#### Task directions
In the data below, one line contains "#5=IFCSIUNIT(*,.LENGTHUNIT.,$,.METRE.);" and a later one contains "#28=IFCSHAPEREPRESENTATION(#27,'Body','Tessellation',(#26));". Print both, with every line between them, exactly and alone.

___ Information supplied

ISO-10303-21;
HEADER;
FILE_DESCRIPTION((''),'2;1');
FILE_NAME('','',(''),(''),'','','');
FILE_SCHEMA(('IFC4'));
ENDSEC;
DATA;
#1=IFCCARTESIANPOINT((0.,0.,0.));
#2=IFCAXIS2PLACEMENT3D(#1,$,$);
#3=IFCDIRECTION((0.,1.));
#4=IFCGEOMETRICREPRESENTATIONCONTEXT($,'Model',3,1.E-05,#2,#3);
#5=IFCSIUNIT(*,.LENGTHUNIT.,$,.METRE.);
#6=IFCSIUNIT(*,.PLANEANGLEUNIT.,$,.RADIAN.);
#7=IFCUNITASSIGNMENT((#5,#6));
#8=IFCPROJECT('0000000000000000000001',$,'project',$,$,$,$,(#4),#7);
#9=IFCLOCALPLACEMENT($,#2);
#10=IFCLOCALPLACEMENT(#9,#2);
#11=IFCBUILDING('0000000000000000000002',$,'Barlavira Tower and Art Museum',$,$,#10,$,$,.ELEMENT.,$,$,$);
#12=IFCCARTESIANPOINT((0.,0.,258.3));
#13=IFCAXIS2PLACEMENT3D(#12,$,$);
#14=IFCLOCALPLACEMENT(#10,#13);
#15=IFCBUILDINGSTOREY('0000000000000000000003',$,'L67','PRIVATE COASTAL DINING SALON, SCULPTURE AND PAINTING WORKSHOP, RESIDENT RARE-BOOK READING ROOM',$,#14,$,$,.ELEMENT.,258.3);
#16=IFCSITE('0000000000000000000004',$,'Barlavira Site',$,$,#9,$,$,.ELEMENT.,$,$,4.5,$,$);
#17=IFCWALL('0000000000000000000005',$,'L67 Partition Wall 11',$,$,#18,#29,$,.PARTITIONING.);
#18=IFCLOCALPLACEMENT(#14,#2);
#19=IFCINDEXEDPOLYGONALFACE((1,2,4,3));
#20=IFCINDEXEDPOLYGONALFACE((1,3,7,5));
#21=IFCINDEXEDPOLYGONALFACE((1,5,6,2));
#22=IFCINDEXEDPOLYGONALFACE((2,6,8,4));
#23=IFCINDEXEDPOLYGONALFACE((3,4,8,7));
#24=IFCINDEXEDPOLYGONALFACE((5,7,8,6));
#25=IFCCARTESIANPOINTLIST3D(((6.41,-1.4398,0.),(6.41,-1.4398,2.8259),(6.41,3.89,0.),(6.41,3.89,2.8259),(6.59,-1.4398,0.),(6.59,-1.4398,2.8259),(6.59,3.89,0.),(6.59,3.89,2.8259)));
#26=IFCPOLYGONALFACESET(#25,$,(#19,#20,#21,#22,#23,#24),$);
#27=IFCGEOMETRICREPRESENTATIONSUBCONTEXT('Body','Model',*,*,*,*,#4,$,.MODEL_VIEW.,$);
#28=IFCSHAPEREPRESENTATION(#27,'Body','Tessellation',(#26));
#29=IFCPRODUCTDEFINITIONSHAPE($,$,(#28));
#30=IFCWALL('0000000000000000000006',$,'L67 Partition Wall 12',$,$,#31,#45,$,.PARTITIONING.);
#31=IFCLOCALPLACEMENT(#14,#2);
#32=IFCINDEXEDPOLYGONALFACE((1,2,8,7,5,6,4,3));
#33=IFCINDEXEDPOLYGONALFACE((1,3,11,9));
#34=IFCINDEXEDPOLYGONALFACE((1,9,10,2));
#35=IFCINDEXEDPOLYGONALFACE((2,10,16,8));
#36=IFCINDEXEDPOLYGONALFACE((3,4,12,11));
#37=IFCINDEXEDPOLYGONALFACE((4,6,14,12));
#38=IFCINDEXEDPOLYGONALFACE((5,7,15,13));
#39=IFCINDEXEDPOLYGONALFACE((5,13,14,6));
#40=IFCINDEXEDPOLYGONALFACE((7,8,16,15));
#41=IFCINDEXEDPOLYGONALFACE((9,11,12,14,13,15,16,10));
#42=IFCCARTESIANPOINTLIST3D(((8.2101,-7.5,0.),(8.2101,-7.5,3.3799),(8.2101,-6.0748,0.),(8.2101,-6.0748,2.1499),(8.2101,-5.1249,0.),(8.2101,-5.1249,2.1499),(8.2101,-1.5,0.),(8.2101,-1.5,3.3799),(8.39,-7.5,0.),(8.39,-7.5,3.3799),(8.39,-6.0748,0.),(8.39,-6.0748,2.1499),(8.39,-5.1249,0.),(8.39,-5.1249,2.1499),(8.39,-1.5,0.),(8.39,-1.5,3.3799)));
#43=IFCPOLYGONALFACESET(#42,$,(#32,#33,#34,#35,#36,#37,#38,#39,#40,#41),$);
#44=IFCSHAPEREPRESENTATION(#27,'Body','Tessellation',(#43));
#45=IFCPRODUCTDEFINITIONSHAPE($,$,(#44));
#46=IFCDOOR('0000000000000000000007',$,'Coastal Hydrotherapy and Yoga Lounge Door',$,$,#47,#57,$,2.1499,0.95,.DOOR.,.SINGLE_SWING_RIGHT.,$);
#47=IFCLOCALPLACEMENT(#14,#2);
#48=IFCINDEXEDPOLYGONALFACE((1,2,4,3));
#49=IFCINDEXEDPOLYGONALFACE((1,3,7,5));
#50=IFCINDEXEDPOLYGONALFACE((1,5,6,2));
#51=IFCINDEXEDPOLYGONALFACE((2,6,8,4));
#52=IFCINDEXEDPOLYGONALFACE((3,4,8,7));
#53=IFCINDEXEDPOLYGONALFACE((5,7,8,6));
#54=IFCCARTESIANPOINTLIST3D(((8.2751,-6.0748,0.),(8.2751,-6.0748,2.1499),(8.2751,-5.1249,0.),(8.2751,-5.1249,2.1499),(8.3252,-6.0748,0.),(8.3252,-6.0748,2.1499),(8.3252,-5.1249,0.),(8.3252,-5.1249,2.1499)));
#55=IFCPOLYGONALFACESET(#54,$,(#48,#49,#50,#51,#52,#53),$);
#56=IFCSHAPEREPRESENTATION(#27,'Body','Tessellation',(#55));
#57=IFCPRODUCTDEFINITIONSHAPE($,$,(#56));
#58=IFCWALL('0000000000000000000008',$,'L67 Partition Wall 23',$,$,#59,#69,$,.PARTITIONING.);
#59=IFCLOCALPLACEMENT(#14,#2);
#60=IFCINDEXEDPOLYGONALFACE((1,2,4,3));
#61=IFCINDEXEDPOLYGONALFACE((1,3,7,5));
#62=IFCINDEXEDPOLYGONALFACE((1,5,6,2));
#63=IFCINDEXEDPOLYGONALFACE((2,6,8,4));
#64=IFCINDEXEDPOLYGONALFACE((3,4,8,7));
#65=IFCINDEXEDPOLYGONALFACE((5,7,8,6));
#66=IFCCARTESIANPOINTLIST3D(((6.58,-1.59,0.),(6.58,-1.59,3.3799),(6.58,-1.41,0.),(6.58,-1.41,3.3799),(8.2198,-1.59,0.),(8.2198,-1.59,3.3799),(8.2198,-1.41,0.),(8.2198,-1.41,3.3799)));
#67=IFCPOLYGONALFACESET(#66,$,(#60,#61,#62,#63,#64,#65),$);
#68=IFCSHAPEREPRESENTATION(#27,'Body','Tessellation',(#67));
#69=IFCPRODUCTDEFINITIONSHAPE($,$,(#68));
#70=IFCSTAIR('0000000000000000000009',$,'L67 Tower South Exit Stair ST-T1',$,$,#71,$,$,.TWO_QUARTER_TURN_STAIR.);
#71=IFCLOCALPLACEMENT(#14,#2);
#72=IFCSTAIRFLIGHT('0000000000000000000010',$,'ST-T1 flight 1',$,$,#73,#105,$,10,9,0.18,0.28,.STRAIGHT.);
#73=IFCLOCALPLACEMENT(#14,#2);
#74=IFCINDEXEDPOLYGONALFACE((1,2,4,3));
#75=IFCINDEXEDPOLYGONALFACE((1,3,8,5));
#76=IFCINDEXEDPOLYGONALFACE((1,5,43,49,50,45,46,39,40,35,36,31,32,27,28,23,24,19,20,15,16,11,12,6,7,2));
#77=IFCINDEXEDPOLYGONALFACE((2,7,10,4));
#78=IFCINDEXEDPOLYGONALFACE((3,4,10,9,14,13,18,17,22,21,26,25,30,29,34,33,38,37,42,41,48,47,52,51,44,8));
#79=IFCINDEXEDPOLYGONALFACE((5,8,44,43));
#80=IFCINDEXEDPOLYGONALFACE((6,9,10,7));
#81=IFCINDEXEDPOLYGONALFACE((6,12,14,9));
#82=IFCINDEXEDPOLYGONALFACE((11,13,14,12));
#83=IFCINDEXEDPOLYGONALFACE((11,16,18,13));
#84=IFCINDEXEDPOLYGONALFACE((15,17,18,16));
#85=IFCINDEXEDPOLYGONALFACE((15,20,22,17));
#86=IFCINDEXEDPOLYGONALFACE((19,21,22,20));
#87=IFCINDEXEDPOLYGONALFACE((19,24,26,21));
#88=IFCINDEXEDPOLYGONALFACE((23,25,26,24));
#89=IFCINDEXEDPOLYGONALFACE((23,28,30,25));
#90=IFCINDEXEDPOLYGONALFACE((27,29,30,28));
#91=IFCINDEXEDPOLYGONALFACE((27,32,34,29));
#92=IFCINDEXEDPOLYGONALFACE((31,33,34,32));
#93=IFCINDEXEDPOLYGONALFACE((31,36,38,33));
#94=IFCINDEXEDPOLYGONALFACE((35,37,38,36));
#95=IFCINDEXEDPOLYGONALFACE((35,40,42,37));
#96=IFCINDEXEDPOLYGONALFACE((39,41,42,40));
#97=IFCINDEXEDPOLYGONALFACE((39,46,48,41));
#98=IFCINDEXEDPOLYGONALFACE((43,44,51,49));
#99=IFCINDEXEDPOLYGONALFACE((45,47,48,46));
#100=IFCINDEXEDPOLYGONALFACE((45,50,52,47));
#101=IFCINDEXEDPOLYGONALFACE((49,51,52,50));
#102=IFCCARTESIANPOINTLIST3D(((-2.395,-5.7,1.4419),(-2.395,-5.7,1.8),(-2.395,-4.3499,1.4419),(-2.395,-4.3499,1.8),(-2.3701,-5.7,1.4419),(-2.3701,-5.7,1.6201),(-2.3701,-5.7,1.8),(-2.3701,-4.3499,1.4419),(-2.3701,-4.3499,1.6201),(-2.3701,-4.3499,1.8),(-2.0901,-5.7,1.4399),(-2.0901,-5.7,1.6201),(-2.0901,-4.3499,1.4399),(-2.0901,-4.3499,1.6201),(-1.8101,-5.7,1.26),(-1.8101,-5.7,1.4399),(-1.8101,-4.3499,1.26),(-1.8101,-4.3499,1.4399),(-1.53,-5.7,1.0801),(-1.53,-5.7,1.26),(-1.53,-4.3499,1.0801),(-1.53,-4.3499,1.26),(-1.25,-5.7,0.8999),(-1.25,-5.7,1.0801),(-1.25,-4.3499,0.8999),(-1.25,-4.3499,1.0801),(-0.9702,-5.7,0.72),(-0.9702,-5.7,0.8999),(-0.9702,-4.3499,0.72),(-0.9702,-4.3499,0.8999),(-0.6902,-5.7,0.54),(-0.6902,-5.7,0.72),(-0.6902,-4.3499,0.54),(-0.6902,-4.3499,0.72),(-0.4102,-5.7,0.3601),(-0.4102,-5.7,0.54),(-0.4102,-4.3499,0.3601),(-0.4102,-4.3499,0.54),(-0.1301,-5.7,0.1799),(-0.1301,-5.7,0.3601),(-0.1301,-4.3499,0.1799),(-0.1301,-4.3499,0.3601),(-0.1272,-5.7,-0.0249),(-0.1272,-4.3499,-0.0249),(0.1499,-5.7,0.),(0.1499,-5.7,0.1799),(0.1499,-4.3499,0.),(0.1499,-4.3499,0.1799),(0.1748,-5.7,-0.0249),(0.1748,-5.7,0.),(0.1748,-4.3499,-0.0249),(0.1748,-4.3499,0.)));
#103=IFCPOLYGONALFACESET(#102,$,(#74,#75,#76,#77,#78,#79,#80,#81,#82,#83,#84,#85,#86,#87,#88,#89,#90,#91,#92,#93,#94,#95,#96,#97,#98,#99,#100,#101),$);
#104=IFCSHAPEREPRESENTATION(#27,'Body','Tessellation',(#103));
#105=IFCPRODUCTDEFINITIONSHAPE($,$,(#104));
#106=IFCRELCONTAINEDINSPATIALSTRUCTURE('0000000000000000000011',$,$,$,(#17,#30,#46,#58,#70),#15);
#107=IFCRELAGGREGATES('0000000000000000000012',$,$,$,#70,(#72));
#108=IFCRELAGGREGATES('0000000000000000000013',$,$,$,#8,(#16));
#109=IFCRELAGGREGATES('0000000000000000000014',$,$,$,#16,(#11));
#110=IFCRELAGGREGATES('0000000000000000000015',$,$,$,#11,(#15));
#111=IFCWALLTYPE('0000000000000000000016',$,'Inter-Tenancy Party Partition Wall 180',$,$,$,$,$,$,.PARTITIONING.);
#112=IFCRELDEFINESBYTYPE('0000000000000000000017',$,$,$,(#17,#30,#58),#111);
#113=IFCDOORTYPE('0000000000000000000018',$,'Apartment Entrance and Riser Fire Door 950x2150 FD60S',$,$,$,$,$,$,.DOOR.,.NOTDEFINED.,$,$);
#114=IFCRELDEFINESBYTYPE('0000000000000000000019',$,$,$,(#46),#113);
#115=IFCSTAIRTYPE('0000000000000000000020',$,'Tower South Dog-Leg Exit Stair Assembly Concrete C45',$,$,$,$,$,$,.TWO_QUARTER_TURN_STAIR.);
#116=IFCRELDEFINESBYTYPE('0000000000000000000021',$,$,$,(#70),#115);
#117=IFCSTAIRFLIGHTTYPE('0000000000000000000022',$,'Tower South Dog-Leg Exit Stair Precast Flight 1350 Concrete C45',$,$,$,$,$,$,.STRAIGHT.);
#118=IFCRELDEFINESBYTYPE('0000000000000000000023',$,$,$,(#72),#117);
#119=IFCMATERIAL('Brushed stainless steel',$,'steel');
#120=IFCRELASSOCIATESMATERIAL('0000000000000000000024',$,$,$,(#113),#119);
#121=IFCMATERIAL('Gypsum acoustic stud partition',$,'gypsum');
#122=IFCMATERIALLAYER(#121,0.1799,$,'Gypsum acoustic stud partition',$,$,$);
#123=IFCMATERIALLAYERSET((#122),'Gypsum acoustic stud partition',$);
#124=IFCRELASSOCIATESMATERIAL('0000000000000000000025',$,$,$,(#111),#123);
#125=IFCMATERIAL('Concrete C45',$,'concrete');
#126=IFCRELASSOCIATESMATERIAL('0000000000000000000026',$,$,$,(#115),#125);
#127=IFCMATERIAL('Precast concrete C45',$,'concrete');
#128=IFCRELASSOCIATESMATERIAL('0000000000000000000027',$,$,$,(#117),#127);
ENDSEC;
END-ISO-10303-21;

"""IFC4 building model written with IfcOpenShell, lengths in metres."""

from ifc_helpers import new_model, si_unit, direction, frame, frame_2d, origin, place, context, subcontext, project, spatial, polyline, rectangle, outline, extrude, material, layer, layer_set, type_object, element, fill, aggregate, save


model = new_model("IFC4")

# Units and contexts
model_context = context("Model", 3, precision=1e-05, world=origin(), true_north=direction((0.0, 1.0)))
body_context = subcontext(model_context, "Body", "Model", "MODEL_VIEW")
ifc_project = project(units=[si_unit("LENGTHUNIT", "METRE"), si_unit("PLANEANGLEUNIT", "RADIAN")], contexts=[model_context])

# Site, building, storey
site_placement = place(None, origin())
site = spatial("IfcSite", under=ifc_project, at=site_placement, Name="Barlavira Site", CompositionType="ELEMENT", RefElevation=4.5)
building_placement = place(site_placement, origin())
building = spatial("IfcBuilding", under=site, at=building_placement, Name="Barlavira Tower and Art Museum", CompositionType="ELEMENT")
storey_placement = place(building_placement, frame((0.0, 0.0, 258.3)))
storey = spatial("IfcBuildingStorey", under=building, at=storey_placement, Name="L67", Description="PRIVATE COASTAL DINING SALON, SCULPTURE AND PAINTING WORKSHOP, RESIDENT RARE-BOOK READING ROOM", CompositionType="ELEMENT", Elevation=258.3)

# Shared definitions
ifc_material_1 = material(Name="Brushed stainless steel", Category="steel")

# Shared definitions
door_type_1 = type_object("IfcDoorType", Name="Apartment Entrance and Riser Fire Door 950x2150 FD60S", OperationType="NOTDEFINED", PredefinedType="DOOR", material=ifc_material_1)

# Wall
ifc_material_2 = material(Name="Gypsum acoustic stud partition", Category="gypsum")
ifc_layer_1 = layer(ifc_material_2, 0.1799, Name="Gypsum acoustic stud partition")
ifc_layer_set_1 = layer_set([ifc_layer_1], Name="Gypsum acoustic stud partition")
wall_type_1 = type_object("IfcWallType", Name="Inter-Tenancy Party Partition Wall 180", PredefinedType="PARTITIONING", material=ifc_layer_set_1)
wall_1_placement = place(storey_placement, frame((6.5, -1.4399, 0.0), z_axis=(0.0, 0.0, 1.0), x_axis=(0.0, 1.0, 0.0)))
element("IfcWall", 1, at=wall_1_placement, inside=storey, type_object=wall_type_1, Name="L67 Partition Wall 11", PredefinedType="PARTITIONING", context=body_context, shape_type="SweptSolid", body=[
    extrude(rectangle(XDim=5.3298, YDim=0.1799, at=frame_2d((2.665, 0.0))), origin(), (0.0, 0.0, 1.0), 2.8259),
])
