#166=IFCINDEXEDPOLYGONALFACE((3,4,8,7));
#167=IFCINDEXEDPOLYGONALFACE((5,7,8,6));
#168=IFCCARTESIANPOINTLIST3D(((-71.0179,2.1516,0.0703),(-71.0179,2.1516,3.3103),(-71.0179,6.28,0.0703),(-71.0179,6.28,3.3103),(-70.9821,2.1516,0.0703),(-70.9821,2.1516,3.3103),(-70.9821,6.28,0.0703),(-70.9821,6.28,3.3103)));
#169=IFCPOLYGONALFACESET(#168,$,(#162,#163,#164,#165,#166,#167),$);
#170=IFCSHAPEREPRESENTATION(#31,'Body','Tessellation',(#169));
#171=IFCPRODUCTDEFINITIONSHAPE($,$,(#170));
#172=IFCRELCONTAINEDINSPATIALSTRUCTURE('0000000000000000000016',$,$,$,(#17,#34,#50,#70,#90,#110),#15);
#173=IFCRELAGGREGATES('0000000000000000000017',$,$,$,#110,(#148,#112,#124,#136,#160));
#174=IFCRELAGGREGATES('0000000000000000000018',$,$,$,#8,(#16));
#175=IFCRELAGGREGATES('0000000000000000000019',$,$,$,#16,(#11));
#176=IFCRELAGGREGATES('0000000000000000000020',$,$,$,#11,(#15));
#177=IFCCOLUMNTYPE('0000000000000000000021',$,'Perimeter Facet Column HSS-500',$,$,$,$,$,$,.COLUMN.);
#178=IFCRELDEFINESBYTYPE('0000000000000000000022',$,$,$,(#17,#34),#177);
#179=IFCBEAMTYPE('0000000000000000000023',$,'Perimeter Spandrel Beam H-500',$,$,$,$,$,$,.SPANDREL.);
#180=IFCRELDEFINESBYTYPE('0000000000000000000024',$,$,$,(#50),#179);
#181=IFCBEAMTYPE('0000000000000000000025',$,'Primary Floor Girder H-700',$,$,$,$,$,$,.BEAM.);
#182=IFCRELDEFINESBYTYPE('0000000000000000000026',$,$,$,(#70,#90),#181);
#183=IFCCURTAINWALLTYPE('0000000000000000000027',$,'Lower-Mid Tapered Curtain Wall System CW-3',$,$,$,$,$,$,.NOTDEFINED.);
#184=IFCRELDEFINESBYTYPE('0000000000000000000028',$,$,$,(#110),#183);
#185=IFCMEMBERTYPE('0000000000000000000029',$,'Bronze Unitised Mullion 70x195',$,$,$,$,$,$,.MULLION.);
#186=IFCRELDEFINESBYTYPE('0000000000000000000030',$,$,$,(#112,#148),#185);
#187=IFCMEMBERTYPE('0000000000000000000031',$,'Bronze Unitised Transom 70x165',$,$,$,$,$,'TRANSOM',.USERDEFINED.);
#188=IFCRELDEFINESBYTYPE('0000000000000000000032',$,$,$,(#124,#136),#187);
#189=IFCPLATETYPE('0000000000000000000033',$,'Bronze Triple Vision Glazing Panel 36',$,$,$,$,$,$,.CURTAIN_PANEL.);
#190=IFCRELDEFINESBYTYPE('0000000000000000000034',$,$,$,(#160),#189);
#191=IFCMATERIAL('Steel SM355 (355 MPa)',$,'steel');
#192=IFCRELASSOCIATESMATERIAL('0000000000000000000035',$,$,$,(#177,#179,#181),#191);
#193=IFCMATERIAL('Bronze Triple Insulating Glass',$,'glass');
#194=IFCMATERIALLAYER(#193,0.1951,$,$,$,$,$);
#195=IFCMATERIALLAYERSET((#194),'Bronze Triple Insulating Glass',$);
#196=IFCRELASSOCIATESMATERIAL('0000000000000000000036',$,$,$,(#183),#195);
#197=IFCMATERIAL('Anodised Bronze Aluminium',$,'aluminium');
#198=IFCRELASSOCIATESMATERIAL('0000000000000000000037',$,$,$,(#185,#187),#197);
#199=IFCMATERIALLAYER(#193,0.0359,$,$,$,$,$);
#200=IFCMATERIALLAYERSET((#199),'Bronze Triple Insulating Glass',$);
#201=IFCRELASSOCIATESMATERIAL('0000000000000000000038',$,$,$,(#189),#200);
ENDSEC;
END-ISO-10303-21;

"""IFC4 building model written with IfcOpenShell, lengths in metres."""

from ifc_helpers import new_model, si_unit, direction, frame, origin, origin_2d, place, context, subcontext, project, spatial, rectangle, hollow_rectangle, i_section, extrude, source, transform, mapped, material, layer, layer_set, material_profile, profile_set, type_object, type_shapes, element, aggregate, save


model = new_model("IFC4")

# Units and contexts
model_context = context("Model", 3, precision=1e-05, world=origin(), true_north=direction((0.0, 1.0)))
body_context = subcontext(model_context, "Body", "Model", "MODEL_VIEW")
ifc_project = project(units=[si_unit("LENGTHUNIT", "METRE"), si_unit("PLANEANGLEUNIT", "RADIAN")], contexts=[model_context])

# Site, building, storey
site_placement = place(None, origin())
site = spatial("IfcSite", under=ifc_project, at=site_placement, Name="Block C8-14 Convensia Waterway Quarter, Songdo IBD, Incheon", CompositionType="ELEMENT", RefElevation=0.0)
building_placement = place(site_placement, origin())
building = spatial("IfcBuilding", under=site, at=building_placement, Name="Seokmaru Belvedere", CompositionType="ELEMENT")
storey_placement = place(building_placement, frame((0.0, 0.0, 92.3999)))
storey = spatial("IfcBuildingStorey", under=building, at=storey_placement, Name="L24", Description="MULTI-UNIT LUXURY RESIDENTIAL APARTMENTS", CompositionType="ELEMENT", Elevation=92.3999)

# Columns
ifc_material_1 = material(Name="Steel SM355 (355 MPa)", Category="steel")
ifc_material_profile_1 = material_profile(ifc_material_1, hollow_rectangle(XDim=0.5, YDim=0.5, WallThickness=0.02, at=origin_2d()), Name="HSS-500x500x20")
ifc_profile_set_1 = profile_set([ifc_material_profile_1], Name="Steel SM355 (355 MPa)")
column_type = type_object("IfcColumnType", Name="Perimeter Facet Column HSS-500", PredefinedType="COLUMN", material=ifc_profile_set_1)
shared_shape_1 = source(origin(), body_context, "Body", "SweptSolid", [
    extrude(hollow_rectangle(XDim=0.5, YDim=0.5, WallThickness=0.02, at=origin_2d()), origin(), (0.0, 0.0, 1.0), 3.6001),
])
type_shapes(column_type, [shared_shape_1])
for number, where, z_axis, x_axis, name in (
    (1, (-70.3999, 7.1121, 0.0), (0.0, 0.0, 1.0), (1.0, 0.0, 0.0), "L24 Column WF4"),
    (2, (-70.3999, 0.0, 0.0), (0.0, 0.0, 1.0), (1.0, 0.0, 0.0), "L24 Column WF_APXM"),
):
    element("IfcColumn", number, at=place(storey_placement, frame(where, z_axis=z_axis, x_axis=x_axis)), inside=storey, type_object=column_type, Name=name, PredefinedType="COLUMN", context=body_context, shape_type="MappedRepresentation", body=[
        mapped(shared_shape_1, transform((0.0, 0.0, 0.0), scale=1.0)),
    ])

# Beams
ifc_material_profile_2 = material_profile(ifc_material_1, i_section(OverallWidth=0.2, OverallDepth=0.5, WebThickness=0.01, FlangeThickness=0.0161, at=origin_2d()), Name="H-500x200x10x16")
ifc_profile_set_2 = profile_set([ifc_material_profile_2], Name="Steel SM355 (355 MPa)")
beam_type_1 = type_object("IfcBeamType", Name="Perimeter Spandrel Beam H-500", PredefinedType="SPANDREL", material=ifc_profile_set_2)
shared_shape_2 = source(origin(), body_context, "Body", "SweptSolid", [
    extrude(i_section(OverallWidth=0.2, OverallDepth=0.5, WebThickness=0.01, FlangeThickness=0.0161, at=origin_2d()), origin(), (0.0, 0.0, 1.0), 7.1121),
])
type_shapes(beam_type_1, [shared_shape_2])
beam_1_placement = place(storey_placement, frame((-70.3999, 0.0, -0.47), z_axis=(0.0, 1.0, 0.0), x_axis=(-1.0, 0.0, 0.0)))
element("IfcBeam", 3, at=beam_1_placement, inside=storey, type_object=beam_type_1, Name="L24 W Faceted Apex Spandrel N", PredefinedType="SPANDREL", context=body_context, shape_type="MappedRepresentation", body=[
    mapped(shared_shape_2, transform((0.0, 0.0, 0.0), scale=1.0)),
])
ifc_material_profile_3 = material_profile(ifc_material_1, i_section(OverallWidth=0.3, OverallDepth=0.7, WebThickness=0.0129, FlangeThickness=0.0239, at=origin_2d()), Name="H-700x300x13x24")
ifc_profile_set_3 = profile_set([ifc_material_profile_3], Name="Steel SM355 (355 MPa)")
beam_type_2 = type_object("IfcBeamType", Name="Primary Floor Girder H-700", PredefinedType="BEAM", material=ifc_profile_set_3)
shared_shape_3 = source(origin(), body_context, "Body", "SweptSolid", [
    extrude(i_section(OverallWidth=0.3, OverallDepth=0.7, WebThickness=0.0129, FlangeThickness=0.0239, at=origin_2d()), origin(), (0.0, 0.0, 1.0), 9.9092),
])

______

#### Solution to this exercise
#5=IFCSIUNIT(*,.LENGTHUNIT.,$,.METRE.);
#6=IFCSIUNIT(*,.PLANEANGLEUNIT.,$,.RADIAN.);
#7=IFCUNITASSIGNMENT((#5,#6));
#8=IFCPROJECT('0000000000000000000001',$,'project',$,$,$,$,(#4),#7);
#9=IFCLOCALPLACEMENT($,#2);
#10=IFCLOCALPLACEMENT(#9,#2);
#11=IFCBUILDING('0000000000000000000002',$,'Barlavira Tower and Art Museum',$,$,#10,$,$,.ELEMENT.,$,$,$);
#12=IFCCARTESIANPOINT((0.,0.,258.3));
#13=IFCAXIS2PLACEMENT3D(#12,$,$);
#14=IFCLOCALPLACEMENT(#10,#13);
#15=IFCBUILDINGSTOREY('0000000000000000000003',$,'L67','PRIVATE COASTAL DINING SALON, SCULPTURE AND PAINTING WORKSHOP, RESIDENT RARE-BOOK READING ROOM',$,#14,$,$,.ELEMENT.,258.3);
#16=IFCSITE('0000000000000000000004',$,'Barlavira Site',$,$,#9,$,$,.ELEMENT.,$,$,4.5,$,$);
#17=IFCWALL('0000000000000000000005',$,'L67 Partition Wall 11',$,$,#18,#29,$,.PARTITIONING.);
#18=IFCLOCALPLACEMENT(#14,#2);
#19=IFCINDEXEDPOLYGONALFACE((1,2,4,3));
#20=IFCINDEXEDPOLYGONALFACE((1,3,7,5));
#21=IFCINDEXEDPOLYGONALFACE((1,5,6,2));
#22=IFCINDEXEDPOLYGONALFACE((2,6,8,4));
#23=IFCINDEXEDPOLYGONALFACE((3,4,8,7));
#24=IFCINDEXEDPOLYGONALFACE((5,7,8,6));
#25=IFCCARTESIANPOINTLIST3D(((6.41,-1.4398,0.),(6.41,-1.4398,2.8259),(6.41,3.89,0.),(6.41,3.89,2.8259),(6.59,-1.4398,0.),(6.59,-1.4398,2.8259),(6.59,3.89,0.),(6.59,3.89,2.8259)));
#26=IFCPOLYGONALFACESET(#25,$,(#19,#20,#21,#22,#23,#24),$);
#27=IFCGEOMETRICREPRESENTATIONSUBCONTEXT('Body','Model',*,*,*,*,#4,$,.MODEL_VIEW.,$);
#28=IFCSHAPEREPRESENTATION(#27,'Body','Tessellation',(#26));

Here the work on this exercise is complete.